→ Task requirements: Your answer is the lines below, exactly, from the one that contains "#75=IFCPOLYGONALFACESET(#74,$,(#68,#69,#70,#71,#72,#73),$);" through the one that contains "#85=IFCINDEXEDPOLYGONALFACE((5,7,8,6));", both included.

→ Stored items:
★ ★ ★ ★ ★ ★ ★
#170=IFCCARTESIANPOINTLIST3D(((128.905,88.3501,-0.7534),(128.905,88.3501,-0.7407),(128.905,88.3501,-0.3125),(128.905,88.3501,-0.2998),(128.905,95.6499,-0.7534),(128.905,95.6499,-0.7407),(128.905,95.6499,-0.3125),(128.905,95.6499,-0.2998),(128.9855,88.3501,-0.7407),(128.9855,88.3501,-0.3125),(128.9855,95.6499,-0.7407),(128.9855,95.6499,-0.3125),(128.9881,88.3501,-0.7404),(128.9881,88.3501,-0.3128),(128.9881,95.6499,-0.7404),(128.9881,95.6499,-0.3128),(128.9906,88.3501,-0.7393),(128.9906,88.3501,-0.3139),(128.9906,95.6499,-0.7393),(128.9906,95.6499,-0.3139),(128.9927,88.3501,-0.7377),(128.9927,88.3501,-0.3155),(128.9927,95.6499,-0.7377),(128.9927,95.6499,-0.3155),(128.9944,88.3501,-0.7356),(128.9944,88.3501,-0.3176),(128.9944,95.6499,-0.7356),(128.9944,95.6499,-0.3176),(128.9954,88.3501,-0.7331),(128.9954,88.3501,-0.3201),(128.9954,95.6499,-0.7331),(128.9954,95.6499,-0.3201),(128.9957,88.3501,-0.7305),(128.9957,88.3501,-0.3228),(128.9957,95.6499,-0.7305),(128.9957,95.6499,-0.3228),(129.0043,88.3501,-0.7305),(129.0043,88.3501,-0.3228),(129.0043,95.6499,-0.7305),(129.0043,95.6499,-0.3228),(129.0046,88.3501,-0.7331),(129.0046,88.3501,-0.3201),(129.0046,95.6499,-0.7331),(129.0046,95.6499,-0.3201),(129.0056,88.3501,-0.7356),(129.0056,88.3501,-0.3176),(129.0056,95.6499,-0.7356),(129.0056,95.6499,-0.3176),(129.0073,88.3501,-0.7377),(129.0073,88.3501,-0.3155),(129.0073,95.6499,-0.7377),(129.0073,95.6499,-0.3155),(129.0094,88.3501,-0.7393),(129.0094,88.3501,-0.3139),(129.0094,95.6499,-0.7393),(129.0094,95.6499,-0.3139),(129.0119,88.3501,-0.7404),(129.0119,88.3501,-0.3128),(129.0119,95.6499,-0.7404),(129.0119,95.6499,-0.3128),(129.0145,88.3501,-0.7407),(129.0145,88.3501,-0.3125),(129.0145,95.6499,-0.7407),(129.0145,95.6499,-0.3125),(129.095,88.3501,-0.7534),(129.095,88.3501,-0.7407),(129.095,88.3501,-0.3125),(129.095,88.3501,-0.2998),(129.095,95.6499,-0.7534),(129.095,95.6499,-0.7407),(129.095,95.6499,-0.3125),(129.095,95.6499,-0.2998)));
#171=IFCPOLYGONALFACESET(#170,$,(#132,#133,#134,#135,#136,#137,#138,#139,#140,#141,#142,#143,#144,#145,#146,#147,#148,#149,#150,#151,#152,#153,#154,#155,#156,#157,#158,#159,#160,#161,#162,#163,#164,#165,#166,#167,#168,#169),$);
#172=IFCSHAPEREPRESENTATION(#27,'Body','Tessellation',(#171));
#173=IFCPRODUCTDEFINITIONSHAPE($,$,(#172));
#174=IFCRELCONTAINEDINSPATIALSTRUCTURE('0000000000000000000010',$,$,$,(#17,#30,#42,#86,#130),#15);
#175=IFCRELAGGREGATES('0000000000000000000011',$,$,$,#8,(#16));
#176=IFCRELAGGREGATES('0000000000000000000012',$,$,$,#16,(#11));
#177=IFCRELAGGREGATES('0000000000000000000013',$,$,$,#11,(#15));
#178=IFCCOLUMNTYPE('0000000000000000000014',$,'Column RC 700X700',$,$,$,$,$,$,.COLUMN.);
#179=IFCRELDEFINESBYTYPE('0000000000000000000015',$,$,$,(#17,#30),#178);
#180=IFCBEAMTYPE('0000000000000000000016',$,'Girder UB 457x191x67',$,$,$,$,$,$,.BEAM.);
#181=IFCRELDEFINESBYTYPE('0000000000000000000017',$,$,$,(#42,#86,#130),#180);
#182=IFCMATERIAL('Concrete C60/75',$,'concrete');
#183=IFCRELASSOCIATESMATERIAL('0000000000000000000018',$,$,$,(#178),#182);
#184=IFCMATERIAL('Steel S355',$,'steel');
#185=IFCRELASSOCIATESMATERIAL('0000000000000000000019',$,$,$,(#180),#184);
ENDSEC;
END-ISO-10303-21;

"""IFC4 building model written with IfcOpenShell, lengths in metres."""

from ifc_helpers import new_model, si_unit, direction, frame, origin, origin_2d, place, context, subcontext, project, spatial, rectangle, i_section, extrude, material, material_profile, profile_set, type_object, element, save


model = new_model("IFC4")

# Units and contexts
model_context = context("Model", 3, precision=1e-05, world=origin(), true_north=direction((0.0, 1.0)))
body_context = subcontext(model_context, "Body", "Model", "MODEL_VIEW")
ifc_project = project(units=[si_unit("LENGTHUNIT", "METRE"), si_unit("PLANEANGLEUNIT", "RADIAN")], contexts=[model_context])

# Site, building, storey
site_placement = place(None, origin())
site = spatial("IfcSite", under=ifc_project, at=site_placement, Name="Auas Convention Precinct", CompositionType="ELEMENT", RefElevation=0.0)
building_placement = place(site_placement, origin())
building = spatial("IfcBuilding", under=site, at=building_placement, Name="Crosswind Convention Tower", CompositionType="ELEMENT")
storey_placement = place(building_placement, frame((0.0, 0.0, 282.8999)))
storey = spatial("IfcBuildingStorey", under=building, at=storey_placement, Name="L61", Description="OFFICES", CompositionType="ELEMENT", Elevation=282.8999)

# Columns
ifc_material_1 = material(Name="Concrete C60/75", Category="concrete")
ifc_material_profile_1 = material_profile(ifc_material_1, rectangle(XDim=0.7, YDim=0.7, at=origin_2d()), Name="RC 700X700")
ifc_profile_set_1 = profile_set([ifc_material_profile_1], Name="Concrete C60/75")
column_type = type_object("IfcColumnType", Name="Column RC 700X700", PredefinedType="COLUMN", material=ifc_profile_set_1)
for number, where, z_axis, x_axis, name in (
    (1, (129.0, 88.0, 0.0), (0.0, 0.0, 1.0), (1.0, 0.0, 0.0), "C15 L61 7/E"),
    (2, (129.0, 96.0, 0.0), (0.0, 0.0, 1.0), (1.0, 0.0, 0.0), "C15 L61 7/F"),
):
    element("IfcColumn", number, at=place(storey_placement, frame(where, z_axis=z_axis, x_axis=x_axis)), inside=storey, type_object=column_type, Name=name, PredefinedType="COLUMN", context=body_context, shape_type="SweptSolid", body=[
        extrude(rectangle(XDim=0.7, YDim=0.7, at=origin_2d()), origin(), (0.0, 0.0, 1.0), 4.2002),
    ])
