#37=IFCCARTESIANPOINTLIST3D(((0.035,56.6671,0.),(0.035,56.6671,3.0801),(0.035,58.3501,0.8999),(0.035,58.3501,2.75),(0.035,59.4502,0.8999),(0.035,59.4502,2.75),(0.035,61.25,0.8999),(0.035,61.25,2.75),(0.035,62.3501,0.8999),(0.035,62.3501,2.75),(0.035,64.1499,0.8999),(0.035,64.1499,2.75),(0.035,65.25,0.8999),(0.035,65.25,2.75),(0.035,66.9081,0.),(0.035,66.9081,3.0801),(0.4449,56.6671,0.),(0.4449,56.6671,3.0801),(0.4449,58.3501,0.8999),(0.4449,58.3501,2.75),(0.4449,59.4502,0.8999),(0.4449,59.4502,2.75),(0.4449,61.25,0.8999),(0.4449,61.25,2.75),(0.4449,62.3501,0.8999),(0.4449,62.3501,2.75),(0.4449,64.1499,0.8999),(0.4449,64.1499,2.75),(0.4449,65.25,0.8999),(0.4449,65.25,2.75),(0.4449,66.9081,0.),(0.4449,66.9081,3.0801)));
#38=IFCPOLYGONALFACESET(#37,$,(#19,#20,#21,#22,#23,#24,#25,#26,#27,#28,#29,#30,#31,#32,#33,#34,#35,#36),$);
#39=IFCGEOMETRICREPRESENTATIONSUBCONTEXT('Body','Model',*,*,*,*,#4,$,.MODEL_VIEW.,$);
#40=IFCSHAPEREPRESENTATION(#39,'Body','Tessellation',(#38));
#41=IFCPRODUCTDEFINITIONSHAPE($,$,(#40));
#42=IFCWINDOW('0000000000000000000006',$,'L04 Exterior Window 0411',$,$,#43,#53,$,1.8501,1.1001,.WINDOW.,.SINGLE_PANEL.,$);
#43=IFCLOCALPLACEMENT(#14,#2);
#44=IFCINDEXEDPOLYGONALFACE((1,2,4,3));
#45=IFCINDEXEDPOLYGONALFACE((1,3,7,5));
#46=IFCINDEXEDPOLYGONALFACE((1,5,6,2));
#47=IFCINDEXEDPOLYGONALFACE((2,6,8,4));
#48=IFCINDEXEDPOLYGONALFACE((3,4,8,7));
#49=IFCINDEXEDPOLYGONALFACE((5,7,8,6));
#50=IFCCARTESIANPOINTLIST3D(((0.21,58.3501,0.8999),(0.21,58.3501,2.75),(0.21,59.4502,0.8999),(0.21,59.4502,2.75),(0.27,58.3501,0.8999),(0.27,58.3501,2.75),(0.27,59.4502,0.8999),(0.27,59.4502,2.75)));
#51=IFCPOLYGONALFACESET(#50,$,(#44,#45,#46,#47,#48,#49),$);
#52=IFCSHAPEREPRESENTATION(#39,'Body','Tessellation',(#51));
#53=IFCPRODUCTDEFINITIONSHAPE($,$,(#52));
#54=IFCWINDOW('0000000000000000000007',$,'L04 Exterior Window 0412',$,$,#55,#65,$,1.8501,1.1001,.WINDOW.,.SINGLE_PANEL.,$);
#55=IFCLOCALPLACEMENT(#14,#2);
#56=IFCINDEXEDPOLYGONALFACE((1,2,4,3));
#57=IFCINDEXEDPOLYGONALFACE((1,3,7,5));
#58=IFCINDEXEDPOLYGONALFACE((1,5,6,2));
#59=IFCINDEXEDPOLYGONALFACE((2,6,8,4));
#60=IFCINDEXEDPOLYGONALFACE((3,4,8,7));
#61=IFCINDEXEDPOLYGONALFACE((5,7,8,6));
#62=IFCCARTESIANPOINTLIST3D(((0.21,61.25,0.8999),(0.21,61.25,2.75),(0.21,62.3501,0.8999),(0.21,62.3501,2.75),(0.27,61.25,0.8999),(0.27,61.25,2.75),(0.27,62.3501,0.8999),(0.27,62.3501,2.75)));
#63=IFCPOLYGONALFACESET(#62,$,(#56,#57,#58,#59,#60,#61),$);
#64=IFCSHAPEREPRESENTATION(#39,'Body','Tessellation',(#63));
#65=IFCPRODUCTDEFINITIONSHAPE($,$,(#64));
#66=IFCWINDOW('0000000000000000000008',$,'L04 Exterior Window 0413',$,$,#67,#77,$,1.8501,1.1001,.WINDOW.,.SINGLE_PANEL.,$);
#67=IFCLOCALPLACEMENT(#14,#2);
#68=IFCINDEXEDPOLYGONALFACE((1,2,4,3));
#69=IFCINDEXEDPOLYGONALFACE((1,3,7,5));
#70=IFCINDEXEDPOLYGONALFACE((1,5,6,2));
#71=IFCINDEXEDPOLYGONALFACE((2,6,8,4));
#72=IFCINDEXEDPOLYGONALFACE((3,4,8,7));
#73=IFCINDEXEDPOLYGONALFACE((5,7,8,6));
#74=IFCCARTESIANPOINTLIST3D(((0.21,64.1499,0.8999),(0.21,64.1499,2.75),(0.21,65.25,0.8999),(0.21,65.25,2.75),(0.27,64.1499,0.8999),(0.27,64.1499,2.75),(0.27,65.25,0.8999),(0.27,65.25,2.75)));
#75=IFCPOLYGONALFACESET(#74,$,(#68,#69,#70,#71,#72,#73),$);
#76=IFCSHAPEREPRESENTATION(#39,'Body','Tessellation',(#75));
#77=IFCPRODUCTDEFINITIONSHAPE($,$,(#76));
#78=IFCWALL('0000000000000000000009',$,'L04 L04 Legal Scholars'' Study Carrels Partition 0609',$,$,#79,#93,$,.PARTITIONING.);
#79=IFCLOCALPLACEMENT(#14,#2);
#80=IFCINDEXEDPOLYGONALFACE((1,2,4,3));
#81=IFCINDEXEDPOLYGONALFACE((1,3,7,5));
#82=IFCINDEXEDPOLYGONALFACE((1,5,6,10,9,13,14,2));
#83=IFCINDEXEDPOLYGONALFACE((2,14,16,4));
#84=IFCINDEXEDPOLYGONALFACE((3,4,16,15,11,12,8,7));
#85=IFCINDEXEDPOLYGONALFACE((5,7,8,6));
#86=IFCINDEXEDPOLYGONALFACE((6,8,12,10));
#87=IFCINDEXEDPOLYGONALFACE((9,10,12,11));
★ ★ ★ ★ ★ ★ ★
→ Response area:
#75=IFCPOLYGONALFACESET(#74,$,(#68,#69,#70,#71,#72,#73),$);
#76=IFCSHAPEREPRESENTATION(#39,'Body','Tessellation',(#75));
#77=IFCPRODUCTDEFINITIONSHAPE($,$,(#76));
#78=IFCWALL('0000000000000000000009',$,'L04 L04 Legal Scholars'' Study Carrels Partition 0609',$,$,#79,#93,$,.PARTITIONING.);
#79=IFCLOCALPLACEMENT(#14,#2);
#80=IFCINDEXEDPOLYGONALFACE((1,2,4,3));
#81=IFCINDEXEDPOLYGONALFACE((1,3,7,5));
#82=IFCINDEXEDPOLYGONALFACE((1,5,6,10,9,13,14,2));
#83=IFCINDEXEDPOLYGONALFACE((2,14,16,4));
#84=IFCINDEXEDPOLYGONALFACE((3,4,16,15,11,12,8,7));
#85=IFCINDEXEDPOLYGONALFACE((5,7,8,6));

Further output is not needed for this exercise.